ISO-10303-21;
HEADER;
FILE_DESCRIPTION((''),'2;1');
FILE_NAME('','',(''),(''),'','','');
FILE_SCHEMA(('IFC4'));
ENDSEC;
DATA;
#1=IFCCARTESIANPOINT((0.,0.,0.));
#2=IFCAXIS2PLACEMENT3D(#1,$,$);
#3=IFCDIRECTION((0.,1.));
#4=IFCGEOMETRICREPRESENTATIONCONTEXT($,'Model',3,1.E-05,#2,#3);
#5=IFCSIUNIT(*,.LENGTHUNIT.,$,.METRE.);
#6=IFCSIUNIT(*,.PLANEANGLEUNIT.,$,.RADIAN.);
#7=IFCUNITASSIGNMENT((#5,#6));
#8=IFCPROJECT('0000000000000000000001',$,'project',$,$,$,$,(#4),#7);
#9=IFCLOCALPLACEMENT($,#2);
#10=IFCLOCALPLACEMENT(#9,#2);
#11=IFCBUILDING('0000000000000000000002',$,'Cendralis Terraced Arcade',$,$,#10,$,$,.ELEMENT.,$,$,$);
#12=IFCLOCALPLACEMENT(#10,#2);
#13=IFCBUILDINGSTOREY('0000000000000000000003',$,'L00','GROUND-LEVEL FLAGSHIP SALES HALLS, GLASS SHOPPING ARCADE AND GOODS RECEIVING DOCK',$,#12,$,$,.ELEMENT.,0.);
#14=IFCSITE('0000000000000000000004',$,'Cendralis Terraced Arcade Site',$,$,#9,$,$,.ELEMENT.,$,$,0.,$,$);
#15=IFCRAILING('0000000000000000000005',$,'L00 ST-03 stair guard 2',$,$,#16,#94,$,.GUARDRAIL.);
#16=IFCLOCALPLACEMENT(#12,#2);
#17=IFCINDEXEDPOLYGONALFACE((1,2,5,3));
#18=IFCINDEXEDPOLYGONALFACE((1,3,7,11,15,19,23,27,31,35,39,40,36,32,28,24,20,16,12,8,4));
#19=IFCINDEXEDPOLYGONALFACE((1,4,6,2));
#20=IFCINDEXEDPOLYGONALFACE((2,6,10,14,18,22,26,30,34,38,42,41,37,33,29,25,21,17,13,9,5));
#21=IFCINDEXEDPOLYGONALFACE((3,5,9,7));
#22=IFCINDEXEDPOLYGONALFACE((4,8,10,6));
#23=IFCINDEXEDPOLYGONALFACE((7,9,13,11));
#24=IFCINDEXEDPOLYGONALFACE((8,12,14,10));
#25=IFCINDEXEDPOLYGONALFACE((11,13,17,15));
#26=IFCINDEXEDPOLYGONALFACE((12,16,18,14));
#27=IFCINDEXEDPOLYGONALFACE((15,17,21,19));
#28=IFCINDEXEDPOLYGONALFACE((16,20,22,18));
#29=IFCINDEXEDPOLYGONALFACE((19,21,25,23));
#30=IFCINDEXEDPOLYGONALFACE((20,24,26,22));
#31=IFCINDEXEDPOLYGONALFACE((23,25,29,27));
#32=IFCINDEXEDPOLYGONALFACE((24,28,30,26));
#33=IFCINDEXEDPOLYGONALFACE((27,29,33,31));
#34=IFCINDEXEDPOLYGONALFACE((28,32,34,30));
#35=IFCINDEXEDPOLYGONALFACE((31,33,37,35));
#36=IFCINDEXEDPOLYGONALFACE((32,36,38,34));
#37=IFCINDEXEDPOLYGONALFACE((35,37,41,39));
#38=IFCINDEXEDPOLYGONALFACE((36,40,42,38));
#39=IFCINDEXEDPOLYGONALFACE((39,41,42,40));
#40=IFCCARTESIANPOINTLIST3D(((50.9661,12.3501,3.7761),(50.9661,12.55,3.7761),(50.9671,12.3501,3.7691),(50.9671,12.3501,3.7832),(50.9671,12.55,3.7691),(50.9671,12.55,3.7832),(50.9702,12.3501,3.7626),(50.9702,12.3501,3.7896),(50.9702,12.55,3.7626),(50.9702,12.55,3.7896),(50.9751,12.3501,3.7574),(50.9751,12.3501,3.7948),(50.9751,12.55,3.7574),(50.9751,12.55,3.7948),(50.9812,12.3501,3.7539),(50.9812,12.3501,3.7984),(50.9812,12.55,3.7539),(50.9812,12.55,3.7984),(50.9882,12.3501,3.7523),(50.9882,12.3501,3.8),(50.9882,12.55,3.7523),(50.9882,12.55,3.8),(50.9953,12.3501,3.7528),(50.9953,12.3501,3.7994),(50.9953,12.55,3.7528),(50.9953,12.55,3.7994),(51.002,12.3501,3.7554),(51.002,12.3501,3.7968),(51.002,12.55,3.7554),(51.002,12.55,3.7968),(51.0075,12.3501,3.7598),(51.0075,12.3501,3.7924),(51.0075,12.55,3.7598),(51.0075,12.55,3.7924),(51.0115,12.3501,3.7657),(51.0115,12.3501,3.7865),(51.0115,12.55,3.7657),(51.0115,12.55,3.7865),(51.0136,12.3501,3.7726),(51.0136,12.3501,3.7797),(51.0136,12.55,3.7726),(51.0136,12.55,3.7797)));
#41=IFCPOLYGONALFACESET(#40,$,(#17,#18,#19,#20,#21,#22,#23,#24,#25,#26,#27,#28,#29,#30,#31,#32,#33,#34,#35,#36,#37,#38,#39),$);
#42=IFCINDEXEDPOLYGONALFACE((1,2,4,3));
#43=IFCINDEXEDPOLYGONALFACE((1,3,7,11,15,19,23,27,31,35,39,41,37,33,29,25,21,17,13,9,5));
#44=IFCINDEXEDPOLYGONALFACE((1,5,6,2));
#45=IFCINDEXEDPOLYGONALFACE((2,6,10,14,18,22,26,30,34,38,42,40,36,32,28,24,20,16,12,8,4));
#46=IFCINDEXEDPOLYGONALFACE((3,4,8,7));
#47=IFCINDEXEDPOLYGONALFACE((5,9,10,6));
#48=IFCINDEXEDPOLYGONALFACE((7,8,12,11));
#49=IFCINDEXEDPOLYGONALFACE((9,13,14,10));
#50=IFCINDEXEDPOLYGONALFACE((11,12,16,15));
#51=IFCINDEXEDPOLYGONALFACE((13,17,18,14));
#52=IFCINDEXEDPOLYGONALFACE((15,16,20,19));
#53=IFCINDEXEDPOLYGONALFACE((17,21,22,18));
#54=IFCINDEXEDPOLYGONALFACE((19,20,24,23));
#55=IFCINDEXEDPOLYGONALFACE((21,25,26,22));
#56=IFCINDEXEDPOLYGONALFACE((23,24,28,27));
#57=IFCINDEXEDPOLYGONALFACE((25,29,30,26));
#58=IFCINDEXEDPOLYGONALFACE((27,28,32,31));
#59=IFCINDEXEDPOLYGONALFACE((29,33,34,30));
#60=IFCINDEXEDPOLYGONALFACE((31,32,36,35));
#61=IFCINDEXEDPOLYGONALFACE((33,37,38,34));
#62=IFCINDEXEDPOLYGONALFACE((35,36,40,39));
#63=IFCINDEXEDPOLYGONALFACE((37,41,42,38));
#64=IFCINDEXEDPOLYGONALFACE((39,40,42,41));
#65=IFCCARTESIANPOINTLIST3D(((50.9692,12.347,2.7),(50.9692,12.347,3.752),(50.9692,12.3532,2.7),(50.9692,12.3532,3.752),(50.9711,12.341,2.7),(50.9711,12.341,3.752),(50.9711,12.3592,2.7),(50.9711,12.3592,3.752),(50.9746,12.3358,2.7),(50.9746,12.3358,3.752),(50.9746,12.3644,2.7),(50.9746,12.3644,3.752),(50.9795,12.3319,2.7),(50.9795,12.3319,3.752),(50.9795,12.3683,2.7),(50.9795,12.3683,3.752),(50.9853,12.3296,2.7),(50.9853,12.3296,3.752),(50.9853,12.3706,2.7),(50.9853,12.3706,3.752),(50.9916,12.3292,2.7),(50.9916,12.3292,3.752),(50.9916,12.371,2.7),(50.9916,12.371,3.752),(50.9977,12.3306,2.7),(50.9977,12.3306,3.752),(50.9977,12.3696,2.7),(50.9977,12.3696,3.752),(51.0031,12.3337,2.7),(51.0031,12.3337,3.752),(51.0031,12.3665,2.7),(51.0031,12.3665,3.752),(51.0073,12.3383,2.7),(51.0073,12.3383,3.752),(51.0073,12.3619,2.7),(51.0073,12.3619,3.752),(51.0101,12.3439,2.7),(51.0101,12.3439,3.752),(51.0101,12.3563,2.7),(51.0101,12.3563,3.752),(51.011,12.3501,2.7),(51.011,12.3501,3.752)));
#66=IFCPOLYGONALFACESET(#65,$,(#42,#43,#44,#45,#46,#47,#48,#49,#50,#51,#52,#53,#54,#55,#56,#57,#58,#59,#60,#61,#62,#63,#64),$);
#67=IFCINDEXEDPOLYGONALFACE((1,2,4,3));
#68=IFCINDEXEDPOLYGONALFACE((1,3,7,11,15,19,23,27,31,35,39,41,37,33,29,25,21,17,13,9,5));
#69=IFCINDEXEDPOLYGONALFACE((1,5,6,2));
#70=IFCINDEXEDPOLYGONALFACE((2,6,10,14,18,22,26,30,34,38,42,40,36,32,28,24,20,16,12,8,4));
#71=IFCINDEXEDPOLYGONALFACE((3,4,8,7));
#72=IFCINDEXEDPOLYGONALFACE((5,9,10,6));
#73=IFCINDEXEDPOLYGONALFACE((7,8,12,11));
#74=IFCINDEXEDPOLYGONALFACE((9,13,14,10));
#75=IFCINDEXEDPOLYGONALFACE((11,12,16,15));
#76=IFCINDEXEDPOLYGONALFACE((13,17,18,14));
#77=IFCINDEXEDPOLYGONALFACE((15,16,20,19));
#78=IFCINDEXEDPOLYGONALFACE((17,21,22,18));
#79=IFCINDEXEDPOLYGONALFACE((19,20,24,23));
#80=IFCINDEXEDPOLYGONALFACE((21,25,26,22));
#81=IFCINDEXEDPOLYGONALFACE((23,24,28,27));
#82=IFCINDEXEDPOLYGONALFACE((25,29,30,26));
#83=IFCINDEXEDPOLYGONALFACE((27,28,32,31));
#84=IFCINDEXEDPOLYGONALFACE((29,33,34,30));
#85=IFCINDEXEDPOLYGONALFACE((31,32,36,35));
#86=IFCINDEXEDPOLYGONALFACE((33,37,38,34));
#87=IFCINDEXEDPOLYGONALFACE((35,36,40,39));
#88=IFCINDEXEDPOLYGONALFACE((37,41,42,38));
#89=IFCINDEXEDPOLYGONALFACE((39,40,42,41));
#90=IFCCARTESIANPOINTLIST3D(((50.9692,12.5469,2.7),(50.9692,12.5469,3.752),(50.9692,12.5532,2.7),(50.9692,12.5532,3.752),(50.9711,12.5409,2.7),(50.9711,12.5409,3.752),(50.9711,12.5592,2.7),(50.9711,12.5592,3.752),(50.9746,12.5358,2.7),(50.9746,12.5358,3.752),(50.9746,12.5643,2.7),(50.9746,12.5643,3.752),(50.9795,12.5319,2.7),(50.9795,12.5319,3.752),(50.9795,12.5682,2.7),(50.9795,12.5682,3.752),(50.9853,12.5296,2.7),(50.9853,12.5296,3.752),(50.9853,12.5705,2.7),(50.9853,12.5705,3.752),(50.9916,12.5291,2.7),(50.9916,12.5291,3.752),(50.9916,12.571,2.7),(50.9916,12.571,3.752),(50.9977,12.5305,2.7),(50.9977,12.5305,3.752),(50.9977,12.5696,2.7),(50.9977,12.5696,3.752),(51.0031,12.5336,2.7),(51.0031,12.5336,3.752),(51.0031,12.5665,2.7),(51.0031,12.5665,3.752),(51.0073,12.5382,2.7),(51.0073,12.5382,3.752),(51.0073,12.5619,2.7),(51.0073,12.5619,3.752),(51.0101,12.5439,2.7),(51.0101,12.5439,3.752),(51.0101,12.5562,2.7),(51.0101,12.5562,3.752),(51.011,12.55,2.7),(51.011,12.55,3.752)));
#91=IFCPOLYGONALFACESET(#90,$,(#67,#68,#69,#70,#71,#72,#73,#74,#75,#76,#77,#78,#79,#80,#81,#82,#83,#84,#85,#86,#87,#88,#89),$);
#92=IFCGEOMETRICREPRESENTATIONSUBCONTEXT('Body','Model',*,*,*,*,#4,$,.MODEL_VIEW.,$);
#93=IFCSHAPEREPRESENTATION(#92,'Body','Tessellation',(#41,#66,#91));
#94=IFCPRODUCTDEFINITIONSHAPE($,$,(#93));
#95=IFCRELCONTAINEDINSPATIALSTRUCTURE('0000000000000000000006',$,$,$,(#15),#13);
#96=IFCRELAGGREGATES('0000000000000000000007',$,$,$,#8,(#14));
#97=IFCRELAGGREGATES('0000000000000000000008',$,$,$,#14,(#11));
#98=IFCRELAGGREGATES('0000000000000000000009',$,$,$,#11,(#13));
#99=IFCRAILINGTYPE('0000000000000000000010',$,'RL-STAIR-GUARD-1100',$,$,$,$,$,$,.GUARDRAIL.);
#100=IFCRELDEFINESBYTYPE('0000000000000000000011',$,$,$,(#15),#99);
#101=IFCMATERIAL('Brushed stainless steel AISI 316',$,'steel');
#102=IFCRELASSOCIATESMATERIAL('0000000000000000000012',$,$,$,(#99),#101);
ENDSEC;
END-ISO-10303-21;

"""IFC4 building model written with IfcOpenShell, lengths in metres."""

from ifc_helpers import new_model, si_unit, direction, frame, origin, origin_2d, place, context, subcontext, project, spatial, circle, extrude, material, type_object, element, save


model = new_model("IFC4")

# Units and contexts
model_context = context("Model", 3, precision=1e-05, world=origin(), true_north=direction((0.0, 1.0)))
body_context = subcontext(model_context, "Body", "Model", "MODEL_VIEW")
ifc_project = project(units=[si_unit("LENGTHUNIT", "METRE"), si_unit("PLANEANGLEUNIT", "RADIAN")], contexts=[model_context])

# Site, building, storey
site_placement = place(None, origin())
site = spatial("IfcSite", under=ifc_project, at=site_placement, Name="Cendralis Terraced Arcade Site", CompositionType="ELEMENT", RefElevation=0.0)
building_placement = place(site_placement, origin())
building = spatial("IfcBuilding", under=site, at=building_placement, Name="Cendralis Terraced Arcade", CompositionType="ELEMENT")
storey_placement = place(building_placement, origin())
storey = spatial("IfcBuildingStorey", under=building, at=storey_placement, Name="L00", Description="GROUND-LEVEL FLAGSHIP SALES HALLS, GLASS SHOPPING ARCADE AND GOODS RECEIVING DOCK", CompositionType="ELEMENT", Elevation=0.0)

# Railing
ifc_material_1 = material(Name="Brushed stainless steel AISI 316", Category="steel")
railing_type_1 = type_object("IfcRailingType", Name="RL-STAIR-GUARD-1100", PredefinedType="GUARDRAIL", material=ifc_material_1)
railing_1_placement = place(storey_placement, frame((50.99, 12.3501, 2.7)))
element("IfcRailing", 1, at=railing_1_placement, inside=storey, type_object=railing_type_1, Name="L00 ST-03 stair guard 2", PredefinedType="GUARDRAIL", context=body_context, shape_type="SweptSolid", body=[
    extrude(circle(Radius=0.0239, at=origin_2d()), frame((0.0, 0.0, 1.0762), z_axis=(0.0, 1.0, 0.0), x_axis=(-1.0, 0.0, 0.0)), (0.0, 0.0, 1.0), 0.2),
    extrude(circle(Radius=0.021, at=origin_2d()), origin(), (0.0, 0.0, 1.0), 1.052),
    extrude(circle(Radius=0.021, at=origin_2d()), frame((0.0, 0.2, 0.0)), (0.0, 0.0, 1.0), 1.052),
])

save(model, "model.ifc")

» PROBLEM REQUIREMENTS: Take the lines from the first line of the listing to the line containing "#3=IFCDIRECTION((0.,1.));". Please print them exactly, ends included, with nothing else.

» SOLUTION TO THE PROBLEM:
ISO-10303-21;
HEADER;
FILE_DESCRIPTION((''),'2;1');
FILE_NAME('','',(''),(''),'','','');
FILE_SCHEMA(('IFC4'));
ENDSEC;
DATA;
#1=IFCCARTESIANPOINT((0.,0.,0.));
#2=IFCAXIS2PLACEMENT3D(#1,$,$);
#3=IFCDIRECTION((0.,1.));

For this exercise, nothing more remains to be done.